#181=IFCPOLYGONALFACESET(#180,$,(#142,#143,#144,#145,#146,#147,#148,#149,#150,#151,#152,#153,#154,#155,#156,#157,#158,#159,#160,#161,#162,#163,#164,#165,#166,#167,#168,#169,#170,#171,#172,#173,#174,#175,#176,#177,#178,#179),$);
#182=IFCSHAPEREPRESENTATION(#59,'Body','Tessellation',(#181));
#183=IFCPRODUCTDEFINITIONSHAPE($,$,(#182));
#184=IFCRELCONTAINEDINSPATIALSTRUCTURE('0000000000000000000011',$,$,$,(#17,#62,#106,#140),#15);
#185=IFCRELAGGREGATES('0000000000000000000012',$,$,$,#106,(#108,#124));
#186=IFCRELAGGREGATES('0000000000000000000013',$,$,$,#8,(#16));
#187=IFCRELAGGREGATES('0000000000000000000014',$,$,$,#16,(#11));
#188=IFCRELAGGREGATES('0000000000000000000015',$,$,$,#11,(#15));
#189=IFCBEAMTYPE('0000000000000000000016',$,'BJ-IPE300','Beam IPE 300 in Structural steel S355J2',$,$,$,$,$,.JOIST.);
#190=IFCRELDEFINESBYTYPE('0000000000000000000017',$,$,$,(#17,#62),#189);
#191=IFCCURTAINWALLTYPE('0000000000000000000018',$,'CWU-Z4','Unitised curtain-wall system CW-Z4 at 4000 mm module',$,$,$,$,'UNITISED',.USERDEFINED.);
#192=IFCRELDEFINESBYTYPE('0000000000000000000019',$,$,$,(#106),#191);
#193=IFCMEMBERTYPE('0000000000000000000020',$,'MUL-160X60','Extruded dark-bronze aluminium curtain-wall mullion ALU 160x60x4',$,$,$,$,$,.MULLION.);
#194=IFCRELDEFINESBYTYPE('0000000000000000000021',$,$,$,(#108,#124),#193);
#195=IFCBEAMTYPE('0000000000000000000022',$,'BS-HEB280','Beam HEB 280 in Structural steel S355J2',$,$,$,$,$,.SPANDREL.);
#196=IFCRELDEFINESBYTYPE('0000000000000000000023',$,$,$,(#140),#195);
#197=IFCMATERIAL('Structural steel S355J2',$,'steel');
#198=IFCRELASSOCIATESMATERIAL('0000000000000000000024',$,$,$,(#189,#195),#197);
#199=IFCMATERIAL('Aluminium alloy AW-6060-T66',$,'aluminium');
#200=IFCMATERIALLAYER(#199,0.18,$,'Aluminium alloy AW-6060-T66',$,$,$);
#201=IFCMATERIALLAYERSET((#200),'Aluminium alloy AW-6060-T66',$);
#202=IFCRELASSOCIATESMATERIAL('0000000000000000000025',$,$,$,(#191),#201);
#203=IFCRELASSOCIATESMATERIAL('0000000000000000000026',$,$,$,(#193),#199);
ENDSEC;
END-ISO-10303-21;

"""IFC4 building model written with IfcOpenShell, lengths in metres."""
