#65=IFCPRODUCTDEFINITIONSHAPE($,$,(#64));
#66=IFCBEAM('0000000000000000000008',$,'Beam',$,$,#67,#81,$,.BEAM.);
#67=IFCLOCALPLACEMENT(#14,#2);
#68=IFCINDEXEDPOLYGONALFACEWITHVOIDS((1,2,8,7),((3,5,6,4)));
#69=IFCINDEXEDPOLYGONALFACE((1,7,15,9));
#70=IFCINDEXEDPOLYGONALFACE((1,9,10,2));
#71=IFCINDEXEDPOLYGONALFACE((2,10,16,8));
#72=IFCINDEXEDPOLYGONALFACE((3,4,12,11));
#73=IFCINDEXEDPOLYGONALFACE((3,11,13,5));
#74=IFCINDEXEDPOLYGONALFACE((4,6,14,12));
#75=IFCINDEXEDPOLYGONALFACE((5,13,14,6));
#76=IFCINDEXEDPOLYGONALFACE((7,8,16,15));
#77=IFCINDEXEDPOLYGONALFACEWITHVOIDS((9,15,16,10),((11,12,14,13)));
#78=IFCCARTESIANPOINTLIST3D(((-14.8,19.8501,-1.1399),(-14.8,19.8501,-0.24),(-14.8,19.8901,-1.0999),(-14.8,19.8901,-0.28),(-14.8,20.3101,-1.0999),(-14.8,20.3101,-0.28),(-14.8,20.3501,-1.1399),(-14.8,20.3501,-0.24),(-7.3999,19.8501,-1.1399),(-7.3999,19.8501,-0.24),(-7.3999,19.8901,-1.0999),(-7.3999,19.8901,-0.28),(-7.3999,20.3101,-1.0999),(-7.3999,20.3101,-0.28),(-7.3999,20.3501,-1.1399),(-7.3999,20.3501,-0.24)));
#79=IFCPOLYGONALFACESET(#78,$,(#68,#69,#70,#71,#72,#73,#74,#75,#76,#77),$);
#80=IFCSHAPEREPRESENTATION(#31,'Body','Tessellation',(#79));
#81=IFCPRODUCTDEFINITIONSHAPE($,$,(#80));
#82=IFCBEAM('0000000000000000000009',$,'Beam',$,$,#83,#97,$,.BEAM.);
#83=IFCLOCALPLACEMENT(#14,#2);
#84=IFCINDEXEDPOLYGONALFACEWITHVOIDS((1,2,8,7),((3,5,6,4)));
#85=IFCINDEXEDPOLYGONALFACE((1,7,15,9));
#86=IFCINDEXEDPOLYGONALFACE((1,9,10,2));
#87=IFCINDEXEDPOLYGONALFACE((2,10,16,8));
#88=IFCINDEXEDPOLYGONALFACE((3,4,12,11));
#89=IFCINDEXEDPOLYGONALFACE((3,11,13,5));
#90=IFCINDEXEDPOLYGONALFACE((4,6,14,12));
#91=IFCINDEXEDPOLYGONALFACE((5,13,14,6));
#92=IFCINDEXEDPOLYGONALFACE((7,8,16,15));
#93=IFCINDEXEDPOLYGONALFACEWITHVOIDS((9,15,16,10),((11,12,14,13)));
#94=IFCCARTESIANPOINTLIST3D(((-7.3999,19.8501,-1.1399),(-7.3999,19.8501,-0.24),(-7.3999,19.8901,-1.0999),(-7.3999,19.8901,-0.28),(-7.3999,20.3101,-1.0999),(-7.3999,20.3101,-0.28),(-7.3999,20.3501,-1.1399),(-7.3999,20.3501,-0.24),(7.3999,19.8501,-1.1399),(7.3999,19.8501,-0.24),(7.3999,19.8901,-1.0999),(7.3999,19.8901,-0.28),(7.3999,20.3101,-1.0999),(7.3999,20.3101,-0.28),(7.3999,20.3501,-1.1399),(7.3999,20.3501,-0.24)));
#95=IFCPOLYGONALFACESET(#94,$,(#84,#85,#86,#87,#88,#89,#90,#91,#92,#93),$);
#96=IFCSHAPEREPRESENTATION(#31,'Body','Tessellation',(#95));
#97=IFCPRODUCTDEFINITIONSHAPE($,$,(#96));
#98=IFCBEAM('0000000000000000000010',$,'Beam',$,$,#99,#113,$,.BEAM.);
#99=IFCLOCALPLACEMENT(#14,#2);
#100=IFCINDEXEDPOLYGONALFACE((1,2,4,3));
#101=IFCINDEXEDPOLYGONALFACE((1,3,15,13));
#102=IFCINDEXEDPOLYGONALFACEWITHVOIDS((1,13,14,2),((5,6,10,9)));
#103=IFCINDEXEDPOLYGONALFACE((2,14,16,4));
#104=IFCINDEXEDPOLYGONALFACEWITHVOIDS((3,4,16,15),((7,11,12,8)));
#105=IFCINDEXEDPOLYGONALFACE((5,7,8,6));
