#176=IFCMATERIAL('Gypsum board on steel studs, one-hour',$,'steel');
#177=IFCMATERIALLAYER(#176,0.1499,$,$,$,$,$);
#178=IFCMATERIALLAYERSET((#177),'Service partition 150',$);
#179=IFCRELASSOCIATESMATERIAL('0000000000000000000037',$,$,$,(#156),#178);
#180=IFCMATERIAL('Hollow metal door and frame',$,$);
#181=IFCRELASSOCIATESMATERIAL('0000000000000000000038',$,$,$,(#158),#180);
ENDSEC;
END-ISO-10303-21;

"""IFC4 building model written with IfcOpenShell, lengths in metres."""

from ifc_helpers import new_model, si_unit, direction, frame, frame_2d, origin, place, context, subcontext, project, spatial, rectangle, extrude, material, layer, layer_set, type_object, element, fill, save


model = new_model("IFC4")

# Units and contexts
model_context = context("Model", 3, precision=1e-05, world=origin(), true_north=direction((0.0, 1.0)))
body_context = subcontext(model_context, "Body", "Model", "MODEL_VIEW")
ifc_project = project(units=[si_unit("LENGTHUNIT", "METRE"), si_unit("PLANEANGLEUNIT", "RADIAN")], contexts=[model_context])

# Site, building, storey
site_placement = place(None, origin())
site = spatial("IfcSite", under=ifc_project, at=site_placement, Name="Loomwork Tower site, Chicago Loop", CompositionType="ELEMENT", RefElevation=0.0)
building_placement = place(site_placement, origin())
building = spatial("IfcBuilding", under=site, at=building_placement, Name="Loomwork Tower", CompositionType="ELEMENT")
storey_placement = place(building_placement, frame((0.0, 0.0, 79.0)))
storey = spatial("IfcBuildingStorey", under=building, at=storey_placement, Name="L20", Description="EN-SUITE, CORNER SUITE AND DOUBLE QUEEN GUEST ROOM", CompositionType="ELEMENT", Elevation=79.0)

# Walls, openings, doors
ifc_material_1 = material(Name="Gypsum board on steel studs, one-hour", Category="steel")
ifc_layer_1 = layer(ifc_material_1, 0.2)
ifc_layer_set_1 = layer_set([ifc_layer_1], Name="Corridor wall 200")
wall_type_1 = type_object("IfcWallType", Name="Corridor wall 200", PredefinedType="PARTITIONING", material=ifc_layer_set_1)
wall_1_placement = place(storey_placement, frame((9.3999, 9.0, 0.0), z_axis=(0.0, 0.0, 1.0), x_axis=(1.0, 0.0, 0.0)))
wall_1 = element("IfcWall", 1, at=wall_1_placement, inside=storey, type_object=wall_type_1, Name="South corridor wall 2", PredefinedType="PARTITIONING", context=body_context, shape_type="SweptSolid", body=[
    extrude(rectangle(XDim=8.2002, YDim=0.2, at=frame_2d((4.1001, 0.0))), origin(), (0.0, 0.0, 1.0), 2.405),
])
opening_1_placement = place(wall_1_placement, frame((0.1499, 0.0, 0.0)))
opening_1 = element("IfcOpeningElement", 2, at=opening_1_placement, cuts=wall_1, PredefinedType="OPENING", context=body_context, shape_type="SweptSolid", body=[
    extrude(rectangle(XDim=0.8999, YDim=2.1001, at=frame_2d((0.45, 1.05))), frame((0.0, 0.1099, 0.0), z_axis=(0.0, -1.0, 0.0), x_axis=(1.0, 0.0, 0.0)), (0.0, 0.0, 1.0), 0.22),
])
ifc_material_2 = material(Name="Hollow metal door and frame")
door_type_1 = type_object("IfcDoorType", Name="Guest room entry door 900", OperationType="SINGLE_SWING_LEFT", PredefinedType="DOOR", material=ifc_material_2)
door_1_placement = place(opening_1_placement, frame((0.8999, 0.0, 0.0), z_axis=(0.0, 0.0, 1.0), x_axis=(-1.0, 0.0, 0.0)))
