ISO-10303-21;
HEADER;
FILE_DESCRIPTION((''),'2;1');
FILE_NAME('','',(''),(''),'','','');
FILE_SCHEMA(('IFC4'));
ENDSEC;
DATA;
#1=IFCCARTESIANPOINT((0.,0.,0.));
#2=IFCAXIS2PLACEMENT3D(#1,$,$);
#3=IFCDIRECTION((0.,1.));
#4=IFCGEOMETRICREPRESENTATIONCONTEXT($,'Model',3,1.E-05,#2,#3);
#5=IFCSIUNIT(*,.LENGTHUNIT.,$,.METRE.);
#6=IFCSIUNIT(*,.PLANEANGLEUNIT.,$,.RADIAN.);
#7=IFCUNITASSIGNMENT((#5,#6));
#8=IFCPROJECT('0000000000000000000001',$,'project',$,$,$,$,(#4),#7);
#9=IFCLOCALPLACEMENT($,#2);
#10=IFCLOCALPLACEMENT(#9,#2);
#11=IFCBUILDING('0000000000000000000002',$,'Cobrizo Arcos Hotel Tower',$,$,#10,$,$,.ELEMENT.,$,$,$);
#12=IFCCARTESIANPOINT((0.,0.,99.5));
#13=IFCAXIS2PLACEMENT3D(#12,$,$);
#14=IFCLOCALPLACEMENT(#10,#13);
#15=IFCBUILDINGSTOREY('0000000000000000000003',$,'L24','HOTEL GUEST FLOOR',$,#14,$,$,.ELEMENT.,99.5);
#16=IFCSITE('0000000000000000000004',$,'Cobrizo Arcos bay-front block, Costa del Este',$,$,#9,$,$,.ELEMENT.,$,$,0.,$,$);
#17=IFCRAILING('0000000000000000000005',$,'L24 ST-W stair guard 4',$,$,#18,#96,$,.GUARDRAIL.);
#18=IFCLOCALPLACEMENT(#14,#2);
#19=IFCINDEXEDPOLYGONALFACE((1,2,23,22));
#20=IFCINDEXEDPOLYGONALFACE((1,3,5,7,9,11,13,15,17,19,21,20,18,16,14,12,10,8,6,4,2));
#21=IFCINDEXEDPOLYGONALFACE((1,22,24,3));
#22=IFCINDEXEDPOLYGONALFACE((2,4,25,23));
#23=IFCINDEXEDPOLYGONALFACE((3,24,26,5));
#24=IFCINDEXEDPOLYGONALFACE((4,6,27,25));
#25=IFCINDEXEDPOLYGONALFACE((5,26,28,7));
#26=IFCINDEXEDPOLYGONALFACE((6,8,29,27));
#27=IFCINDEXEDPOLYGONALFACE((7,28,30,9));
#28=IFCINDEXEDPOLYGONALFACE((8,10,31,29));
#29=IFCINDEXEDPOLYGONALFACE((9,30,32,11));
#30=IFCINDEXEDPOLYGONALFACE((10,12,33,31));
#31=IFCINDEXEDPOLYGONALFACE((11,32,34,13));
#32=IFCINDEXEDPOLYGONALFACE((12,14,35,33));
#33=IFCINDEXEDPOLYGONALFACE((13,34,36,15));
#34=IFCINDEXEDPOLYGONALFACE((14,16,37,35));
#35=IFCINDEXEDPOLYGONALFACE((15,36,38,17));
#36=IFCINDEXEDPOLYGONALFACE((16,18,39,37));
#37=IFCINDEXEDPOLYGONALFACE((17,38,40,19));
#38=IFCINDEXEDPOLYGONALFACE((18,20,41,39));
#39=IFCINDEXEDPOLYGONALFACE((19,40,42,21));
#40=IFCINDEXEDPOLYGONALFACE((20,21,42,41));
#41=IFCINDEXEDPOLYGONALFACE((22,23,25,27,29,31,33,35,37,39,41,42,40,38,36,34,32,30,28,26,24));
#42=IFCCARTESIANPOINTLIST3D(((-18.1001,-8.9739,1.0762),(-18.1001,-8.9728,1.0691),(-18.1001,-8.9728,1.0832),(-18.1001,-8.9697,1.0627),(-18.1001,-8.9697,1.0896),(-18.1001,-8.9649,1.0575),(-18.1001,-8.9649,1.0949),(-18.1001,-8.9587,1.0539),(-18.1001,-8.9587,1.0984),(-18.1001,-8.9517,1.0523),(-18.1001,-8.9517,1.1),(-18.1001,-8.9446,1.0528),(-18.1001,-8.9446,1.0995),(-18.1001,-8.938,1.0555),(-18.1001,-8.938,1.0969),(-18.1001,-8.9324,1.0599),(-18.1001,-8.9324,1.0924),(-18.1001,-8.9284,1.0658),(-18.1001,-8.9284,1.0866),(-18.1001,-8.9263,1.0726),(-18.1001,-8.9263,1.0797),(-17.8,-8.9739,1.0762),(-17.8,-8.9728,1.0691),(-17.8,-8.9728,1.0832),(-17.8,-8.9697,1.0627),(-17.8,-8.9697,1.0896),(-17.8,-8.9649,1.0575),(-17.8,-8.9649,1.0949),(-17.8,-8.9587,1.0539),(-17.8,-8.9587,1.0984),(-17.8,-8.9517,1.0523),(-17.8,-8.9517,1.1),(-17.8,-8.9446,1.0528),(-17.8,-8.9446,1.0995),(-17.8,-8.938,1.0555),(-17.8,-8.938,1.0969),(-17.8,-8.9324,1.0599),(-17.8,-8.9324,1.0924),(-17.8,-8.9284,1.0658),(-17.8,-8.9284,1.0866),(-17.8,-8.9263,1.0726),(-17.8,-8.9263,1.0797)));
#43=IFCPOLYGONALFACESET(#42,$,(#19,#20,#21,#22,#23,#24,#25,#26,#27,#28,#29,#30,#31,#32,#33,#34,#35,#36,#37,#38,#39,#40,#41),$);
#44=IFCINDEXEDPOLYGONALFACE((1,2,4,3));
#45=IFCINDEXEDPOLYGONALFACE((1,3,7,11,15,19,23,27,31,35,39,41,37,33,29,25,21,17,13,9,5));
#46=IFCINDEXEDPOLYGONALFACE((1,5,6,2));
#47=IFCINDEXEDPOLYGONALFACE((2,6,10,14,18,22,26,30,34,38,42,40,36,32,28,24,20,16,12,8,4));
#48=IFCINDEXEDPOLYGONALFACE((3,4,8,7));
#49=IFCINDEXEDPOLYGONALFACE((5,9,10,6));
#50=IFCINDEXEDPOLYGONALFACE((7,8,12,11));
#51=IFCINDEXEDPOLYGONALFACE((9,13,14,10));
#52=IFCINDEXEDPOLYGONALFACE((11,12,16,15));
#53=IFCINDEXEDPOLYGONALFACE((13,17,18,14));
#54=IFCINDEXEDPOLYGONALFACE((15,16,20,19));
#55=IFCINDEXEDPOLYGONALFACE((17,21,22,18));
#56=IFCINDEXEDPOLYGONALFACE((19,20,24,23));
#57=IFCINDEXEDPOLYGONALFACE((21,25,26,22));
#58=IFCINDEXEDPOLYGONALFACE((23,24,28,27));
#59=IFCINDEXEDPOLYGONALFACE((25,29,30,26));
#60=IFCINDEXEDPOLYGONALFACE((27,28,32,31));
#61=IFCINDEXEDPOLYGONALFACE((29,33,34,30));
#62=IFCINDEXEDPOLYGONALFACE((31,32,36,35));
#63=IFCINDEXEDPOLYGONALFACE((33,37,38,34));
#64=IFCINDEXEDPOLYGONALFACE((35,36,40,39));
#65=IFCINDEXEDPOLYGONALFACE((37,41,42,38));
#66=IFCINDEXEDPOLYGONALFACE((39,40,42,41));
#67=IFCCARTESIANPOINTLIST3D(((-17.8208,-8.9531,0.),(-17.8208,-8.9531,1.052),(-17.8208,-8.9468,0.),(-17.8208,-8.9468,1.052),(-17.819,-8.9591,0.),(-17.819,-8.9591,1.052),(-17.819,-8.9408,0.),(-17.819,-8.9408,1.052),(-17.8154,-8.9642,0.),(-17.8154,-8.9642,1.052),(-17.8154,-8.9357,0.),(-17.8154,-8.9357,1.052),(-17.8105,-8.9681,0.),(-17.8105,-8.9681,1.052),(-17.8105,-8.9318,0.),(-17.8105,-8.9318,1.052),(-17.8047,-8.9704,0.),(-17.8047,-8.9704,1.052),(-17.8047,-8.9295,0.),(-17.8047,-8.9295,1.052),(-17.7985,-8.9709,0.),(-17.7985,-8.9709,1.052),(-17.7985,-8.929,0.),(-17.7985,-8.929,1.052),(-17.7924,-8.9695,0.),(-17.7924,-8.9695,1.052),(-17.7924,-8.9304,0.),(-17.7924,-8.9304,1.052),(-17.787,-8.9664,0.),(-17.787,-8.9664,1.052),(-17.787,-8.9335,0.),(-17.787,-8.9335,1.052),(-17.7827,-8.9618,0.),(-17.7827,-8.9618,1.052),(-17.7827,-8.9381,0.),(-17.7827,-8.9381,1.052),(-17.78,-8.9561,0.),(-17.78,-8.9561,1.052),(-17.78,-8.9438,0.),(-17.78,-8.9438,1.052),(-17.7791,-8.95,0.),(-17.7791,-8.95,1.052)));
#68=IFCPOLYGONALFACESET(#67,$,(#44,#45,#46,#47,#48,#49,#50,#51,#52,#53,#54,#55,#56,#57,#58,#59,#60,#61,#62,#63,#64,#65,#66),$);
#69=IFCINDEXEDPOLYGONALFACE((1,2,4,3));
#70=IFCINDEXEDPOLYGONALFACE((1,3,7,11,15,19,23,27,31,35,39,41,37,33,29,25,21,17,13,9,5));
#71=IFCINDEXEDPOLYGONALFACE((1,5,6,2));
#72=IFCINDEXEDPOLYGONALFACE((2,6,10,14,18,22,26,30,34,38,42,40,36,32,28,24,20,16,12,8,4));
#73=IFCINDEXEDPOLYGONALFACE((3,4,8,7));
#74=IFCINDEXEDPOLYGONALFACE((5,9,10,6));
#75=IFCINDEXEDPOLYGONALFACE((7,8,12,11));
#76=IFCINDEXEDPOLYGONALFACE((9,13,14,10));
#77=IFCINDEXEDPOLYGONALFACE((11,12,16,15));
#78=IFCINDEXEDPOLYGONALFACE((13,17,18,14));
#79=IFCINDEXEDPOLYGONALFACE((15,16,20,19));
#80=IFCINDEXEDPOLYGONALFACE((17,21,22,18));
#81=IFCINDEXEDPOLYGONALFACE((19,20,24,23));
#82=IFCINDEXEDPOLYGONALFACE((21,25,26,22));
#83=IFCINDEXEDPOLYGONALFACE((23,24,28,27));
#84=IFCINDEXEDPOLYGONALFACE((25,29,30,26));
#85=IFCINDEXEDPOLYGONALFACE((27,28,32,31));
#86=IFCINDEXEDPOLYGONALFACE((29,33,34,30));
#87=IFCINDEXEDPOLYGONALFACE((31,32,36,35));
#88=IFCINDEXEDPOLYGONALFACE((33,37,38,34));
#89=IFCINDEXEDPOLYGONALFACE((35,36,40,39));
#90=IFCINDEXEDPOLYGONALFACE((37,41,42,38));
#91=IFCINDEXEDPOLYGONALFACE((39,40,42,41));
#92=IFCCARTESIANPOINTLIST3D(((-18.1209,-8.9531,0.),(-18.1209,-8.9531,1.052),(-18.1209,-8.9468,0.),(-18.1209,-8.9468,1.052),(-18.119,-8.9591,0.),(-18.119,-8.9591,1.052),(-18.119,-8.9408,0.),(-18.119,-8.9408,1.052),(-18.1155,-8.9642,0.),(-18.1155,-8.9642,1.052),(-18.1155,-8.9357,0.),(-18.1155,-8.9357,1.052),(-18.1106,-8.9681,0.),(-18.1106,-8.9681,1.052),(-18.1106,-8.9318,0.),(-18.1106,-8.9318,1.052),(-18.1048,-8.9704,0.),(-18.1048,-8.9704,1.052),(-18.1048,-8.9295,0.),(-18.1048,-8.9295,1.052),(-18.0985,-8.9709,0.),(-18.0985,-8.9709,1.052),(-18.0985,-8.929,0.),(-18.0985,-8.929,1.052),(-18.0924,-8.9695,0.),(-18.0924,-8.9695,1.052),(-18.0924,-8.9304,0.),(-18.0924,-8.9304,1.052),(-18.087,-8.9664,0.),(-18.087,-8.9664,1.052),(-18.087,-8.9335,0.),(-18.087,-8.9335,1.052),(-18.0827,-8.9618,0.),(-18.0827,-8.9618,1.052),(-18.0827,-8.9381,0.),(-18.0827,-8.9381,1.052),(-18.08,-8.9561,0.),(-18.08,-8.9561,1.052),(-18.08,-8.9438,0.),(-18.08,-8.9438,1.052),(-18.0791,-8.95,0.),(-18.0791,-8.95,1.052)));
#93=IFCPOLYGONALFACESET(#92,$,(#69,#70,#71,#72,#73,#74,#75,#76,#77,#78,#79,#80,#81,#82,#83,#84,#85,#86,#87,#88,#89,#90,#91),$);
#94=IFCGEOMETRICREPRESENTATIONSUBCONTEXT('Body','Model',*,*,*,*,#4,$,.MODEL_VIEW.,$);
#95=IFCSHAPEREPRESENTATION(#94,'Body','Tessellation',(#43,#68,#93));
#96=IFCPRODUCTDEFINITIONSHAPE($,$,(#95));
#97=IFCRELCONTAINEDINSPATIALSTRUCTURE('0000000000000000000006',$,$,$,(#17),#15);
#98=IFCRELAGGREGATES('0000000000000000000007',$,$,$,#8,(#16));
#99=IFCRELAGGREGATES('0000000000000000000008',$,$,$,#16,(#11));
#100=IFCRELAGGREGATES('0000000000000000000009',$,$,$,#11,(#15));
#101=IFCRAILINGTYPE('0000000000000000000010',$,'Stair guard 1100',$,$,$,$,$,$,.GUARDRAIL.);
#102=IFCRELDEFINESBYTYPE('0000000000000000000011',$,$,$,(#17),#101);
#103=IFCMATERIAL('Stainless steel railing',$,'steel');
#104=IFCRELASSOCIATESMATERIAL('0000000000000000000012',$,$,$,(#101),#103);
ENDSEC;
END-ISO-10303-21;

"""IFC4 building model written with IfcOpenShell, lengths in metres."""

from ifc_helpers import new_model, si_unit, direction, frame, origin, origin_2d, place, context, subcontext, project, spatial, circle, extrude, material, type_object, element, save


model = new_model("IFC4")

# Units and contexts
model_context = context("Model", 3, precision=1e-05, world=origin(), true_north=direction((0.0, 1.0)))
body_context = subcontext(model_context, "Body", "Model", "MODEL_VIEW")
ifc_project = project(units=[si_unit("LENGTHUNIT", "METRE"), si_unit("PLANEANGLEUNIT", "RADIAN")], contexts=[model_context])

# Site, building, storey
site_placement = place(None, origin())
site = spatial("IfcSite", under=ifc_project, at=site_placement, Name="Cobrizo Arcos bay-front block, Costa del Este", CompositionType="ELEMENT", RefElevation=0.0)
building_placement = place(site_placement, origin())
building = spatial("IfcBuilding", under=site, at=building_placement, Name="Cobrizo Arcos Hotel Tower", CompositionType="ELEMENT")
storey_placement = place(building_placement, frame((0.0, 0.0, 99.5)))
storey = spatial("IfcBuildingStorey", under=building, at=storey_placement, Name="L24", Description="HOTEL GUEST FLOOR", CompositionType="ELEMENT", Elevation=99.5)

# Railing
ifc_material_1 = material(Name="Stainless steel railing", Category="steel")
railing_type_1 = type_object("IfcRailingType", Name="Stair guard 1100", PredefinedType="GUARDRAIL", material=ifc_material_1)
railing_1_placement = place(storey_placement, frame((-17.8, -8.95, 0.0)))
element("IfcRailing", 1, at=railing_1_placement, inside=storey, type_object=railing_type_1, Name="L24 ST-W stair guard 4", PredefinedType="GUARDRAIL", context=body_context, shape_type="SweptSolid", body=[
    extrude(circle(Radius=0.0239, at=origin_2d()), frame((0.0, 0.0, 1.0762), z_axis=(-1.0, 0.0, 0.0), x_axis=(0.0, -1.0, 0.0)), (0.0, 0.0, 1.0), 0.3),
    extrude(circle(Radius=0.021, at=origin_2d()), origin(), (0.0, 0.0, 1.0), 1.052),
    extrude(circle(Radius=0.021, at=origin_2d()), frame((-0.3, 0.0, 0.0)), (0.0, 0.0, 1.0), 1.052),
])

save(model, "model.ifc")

• **Your task**
Return, from the material above, each line holding the string "curtain".

• **Response box**
#191=IFCCURTAINWALLTYPE('0000000000000000000018',$,'CWU-Z4','Unitised curtain-wall system CW-Z4 at 4000 mm module',$,$,$,$,'UNITISED',.USERDEFINED.);
#193=IFCMEMBERTYPE('0000000000000000000020',$,'MUL-160X60','Extruded dark-bronze aluminium curtain-wall mullion ALU 160x60x4',$,$,$,$,$,.MULLION.);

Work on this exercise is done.